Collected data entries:
------------------------------------------------------------------------
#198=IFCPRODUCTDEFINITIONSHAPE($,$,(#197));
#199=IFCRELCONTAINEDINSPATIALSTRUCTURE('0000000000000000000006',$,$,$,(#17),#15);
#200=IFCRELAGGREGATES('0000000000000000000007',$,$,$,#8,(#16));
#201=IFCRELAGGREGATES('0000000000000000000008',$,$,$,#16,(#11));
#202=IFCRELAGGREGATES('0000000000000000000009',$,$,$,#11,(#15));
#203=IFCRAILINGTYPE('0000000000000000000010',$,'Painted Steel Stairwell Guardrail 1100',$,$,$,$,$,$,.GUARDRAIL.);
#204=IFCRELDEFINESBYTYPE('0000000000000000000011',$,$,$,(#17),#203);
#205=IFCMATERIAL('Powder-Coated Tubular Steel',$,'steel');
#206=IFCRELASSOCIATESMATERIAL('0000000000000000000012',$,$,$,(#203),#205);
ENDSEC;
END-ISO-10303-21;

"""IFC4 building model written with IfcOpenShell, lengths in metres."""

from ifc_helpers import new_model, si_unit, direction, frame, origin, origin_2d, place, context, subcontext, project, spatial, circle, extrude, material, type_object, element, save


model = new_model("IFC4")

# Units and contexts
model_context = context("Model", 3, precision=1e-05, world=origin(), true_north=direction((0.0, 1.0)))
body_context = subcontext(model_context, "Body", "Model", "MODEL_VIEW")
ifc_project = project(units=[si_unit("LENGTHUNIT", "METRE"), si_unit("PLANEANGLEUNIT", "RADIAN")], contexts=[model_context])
------------------------------------------------------------------------
Problem details:
Return each line of the records above exactly as it reads.

Task solution:
#198=IFCPRODUCTDEFINITIONSHAPE($,$,(#197));
#199=IFCRELCONTAINEDINSPATIALSTRUCTURE('0000000000000000000006',$,$,$,(#17),#15);
#200=IFCRELAGGREGATES('0000000000000000000007',$,$,$,#8,(#16));
#201=IFCRELAGGREGATES('0000000000000000000008',$,$,$,#16,(#11));
#202=IFCRELAGGREGATES('0000000000000000000009',$,$,$,#11,(#15));
#203=IFCRAILINGTYPE('0000000000000000000010',$,'Painted Steel Stairwell Guardrail 1100',$,$,$,$,$,$,.GUARDRAIL.);
#204=IFCRELDEFINESBYTYPE('0000000000000000000011',$,$,$,(#17),#203);
#205=IFCMATERIAL('Powder-Coated Tubular Steel',$,'steel');
#206=IFCRELASSOCIATESMATERIAL('0000000000000000000012',$,$,$,(#203),#205);
ENDSEC;
END-ISO-10303-21;

"""IFC4 building model written with IfcOpenShell, lengths in metres."""

from ifc_helpers import new_model, si_unit, direction, frame, origin, origin_2d, place, context, subcontext, project, spatial, circle, extrude, material, type_object, element, save


model = new_model("IFC4")

# Units and contexts
model_context = context("Model", 3, precision=1e-05, world=origin(), true_north=direction((0.0, 1.0)))
body_context = subcontext(model_context, "Body", "Model", "MODEL_VIEW")
ifc_project = project(units=[si_unit("LENGTHUNIT", "METRE"), si_unit("PLANEANGLEUNIT", "RADIAN")], contexts=[model_context])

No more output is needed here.